[Collected data entries]

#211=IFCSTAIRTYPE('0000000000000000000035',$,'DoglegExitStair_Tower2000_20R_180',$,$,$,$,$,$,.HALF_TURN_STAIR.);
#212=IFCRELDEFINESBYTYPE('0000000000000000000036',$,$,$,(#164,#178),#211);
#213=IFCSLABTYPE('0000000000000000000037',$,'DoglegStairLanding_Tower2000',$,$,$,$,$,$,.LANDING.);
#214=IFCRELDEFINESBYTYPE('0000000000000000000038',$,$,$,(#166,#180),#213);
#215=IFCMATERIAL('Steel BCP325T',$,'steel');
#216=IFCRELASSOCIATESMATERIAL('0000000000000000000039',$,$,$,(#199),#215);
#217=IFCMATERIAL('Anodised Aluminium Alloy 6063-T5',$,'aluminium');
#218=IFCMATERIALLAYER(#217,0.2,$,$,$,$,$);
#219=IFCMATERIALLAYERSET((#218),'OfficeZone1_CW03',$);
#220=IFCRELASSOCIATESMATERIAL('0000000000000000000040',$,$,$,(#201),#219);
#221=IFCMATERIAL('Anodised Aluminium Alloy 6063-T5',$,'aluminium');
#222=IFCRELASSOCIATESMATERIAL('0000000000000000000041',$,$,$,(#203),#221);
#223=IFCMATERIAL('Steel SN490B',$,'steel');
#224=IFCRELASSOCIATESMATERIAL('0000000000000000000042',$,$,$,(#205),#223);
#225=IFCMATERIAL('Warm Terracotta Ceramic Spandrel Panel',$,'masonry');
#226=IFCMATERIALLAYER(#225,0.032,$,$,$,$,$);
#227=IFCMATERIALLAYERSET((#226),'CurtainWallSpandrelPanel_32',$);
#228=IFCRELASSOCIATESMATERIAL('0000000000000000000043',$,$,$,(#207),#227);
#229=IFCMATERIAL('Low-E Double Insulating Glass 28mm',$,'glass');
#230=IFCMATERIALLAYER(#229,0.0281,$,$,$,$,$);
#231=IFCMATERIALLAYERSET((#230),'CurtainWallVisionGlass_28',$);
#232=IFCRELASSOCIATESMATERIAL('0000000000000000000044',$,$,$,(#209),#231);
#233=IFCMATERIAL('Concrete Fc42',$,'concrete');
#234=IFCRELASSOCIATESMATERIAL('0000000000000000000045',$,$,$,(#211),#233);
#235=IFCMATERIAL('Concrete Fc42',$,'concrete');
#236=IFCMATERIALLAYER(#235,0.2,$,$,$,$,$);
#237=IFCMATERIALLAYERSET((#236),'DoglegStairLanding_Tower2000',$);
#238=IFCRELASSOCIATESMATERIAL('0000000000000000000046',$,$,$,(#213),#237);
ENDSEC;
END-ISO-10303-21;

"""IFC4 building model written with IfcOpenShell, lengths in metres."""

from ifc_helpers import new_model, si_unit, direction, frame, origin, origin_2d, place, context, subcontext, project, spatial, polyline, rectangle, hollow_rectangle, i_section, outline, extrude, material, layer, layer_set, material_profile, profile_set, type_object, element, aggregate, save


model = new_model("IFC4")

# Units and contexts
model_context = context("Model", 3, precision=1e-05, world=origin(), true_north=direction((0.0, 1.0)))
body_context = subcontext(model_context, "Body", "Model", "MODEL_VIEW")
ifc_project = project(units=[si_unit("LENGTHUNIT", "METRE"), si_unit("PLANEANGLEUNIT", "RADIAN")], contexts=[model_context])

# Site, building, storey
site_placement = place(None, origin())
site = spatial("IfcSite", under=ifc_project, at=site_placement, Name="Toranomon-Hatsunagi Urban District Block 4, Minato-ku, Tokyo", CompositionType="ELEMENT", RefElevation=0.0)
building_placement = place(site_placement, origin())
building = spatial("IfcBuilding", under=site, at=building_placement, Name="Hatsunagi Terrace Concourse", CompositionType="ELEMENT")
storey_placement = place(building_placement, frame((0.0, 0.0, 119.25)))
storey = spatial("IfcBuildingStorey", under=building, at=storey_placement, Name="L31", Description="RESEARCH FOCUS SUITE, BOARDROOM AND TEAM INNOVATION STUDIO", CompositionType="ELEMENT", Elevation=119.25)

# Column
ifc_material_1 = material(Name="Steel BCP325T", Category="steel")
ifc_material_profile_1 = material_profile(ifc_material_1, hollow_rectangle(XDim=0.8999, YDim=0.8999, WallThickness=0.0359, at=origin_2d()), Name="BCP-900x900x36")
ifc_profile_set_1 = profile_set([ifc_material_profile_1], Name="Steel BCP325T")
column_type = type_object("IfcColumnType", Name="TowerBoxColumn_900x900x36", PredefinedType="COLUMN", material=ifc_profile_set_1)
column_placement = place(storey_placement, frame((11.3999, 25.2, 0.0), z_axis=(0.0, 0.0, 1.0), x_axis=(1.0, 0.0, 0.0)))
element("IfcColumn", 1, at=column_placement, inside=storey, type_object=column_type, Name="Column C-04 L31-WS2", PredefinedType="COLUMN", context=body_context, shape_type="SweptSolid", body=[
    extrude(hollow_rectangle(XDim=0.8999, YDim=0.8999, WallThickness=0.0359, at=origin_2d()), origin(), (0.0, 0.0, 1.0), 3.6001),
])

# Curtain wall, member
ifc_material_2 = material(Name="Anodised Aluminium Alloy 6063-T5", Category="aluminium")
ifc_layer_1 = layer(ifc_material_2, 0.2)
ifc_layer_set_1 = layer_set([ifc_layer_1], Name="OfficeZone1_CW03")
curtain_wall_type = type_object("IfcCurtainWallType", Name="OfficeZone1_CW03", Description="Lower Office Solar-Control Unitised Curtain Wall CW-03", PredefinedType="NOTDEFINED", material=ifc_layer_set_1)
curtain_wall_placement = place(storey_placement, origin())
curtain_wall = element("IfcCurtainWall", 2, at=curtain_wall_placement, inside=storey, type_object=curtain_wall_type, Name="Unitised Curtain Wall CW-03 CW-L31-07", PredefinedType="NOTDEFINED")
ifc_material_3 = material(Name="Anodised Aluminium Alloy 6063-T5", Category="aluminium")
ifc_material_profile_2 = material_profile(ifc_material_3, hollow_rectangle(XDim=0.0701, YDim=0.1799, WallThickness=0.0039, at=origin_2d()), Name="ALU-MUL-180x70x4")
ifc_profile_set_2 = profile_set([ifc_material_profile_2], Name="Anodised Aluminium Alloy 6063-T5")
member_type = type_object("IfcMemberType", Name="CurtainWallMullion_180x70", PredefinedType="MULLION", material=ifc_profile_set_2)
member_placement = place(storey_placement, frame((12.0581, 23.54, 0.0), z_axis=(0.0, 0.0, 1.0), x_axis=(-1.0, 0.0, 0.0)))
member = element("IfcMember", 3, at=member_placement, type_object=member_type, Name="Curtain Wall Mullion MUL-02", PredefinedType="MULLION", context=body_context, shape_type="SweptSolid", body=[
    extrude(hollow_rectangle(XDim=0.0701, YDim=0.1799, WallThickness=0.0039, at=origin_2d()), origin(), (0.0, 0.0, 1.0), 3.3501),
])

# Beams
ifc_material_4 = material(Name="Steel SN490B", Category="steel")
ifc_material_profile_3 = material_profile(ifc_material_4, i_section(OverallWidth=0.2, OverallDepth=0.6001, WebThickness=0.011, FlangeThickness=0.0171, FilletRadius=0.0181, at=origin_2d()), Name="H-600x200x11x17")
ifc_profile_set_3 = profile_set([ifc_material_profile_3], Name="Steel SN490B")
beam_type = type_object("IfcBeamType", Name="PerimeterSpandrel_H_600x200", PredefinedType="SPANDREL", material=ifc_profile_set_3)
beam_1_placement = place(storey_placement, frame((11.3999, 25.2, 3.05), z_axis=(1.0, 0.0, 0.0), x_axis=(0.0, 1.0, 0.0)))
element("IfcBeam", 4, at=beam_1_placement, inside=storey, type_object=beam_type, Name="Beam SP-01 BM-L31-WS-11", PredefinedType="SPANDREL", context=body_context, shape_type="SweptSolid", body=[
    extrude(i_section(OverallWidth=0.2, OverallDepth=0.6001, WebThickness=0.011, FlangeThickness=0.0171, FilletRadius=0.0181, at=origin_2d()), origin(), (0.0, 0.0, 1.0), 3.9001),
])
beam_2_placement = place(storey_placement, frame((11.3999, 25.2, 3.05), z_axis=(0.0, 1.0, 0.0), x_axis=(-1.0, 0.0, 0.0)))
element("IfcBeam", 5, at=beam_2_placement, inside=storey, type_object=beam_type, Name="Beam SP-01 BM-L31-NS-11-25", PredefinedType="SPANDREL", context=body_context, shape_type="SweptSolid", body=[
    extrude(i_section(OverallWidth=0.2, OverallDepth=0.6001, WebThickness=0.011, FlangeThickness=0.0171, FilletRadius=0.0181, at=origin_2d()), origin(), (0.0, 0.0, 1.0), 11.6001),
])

---

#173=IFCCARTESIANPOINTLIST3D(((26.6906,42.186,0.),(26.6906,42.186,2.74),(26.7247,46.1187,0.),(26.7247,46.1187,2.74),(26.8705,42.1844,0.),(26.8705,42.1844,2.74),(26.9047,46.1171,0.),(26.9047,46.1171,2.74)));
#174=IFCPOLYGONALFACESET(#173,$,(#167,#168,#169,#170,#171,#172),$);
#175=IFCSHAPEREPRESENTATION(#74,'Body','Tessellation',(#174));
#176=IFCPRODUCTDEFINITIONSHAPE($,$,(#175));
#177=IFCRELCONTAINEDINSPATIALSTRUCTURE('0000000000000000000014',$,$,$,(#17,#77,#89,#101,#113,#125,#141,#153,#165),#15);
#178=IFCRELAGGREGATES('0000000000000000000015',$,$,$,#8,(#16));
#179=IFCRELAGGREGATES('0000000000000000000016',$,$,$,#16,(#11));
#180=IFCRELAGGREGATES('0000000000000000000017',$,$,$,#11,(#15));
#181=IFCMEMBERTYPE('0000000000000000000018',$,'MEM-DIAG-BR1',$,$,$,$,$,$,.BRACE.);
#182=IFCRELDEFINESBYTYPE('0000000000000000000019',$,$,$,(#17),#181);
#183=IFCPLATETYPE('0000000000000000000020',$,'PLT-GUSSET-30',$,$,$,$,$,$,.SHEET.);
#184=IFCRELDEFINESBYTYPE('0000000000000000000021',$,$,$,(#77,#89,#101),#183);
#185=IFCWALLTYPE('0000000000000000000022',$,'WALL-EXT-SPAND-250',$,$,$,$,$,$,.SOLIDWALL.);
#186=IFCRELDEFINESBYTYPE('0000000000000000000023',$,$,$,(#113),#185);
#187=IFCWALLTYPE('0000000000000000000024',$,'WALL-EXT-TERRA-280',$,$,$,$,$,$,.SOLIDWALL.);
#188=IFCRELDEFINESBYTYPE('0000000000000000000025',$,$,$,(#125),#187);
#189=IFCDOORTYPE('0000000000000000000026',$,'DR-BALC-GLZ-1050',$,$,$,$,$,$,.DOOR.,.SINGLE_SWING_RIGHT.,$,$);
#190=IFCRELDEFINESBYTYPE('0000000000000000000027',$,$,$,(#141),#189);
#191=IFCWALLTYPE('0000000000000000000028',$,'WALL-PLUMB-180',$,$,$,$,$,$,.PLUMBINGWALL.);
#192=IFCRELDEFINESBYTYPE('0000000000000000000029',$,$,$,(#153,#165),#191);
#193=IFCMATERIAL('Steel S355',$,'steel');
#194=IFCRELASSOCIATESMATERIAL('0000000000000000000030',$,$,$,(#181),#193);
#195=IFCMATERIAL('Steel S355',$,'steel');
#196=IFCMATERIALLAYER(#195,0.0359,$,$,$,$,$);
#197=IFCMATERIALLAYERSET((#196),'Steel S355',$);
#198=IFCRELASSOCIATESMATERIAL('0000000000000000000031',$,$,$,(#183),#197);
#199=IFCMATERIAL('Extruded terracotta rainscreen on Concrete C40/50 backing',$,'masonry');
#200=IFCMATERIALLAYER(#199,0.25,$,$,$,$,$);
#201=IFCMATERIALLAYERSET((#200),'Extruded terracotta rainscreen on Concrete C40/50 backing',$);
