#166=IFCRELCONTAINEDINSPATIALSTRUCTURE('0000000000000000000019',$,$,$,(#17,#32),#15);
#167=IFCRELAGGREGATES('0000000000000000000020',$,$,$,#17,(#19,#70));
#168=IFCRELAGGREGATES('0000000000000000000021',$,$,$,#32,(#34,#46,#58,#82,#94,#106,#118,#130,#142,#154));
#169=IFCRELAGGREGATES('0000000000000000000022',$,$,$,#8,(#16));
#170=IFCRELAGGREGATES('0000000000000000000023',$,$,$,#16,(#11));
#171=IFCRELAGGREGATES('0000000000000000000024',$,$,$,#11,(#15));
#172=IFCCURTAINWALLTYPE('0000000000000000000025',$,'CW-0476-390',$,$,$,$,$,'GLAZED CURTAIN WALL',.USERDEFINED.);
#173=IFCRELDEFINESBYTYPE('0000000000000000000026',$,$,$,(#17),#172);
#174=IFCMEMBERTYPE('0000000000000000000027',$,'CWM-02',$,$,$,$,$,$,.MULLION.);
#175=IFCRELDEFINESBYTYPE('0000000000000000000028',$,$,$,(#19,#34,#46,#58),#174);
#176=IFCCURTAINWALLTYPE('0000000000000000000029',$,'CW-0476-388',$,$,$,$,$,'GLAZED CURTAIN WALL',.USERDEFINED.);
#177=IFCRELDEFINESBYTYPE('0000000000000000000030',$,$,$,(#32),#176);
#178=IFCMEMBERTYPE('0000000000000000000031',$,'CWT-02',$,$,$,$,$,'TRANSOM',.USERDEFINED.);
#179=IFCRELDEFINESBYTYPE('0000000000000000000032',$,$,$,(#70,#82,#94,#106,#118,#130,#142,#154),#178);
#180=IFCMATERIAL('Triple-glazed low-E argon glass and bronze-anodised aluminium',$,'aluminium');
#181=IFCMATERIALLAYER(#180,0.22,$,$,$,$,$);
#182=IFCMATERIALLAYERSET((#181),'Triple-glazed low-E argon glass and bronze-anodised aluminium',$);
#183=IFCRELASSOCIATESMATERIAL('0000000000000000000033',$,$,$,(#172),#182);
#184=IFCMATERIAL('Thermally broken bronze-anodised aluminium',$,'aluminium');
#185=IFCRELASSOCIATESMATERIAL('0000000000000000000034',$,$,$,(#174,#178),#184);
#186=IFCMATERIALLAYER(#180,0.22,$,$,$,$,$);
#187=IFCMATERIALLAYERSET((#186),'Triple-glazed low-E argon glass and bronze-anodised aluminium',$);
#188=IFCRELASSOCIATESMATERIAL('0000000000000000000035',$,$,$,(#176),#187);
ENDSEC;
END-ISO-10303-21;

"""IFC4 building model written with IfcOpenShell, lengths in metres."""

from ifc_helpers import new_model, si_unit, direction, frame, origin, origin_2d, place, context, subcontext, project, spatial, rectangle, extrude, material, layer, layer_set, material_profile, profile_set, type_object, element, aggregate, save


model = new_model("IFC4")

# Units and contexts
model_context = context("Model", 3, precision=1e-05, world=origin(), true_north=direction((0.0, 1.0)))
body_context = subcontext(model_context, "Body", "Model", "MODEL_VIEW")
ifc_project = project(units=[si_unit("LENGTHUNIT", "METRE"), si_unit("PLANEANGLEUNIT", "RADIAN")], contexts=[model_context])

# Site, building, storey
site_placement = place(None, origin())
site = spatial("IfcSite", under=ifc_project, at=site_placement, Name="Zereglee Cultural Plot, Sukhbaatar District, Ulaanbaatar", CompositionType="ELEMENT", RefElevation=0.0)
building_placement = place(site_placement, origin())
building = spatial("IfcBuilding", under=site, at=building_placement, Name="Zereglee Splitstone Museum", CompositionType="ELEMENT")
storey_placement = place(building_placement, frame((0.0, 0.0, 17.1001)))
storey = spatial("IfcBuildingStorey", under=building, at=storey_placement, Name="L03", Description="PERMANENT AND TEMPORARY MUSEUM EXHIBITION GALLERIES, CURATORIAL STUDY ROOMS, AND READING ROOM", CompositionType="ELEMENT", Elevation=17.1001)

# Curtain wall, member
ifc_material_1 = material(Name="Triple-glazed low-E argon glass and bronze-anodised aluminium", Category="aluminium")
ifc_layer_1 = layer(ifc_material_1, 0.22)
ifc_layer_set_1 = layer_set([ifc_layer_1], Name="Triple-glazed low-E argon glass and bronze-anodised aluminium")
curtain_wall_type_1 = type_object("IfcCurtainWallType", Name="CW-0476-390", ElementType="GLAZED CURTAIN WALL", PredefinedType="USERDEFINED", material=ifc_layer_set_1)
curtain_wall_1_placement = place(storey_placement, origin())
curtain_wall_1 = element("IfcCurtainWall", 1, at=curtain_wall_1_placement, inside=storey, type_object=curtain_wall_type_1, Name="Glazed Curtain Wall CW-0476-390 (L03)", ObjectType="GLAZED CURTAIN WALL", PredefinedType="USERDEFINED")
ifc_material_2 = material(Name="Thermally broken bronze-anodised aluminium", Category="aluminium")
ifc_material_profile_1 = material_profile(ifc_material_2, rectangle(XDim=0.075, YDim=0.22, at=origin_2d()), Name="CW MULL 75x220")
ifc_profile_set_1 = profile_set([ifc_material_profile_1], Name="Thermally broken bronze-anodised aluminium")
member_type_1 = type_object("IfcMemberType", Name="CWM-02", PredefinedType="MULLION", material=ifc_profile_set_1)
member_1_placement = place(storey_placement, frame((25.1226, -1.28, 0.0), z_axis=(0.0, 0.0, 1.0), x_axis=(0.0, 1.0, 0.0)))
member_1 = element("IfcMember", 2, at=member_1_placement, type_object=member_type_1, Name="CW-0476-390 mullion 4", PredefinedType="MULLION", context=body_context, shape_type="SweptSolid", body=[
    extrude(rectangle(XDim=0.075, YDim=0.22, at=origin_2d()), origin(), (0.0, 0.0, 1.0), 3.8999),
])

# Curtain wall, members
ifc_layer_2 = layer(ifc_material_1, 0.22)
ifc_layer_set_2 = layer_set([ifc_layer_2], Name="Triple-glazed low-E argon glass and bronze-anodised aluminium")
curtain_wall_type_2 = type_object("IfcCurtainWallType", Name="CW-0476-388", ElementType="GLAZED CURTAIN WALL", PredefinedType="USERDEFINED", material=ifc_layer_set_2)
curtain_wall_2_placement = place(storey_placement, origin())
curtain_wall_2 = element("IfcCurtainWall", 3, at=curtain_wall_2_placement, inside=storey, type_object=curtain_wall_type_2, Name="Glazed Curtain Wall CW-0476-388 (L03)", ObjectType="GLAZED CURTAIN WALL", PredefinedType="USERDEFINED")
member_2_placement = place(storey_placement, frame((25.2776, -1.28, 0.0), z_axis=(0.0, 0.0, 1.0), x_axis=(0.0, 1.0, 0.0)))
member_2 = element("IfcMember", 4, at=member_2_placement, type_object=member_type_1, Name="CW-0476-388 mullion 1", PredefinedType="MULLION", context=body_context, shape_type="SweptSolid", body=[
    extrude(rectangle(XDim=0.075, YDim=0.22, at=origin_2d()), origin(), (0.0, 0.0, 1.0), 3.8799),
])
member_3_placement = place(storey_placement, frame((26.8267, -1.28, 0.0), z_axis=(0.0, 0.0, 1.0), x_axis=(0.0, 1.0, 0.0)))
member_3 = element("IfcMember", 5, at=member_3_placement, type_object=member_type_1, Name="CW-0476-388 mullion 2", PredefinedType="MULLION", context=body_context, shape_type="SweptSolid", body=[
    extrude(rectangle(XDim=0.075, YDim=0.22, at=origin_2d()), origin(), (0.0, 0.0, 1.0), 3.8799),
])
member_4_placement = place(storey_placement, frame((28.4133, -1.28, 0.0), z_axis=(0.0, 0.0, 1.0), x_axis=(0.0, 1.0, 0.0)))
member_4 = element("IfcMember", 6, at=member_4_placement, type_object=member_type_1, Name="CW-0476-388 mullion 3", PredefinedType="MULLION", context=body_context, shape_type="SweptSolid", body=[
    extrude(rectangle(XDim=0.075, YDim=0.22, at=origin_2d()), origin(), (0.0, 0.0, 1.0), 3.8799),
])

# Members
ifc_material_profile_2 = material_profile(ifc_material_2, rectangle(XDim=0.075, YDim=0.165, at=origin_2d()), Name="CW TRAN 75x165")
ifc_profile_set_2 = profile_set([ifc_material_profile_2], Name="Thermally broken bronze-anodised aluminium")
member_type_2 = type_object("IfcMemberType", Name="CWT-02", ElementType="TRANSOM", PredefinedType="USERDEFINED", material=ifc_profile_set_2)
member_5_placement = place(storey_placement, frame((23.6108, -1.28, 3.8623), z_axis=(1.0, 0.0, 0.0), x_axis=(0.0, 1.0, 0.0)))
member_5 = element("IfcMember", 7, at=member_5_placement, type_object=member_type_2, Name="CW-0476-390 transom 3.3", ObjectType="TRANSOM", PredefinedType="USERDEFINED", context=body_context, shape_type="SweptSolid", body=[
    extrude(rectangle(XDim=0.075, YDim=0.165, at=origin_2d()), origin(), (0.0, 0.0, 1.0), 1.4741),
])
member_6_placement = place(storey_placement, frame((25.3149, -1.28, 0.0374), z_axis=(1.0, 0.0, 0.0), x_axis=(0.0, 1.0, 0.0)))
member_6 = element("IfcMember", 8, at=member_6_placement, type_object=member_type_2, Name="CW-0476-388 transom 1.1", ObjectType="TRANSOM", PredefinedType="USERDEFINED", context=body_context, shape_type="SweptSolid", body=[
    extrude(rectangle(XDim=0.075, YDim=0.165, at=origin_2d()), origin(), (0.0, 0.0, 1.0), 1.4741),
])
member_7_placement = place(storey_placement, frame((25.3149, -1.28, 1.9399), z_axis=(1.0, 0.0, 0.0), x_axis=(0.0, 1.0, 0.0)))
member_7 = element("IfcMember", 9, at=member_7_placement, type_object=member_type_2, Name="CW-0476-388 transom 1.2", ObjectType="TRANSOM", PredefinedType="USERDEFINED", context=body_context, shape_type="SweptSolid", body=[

— What you have to do —
State the number of lines in the data that carry "IFCRELCONTAINEDINSPATIALSTRUCTURE", and add nothing to it.

— Result of this exercise —
2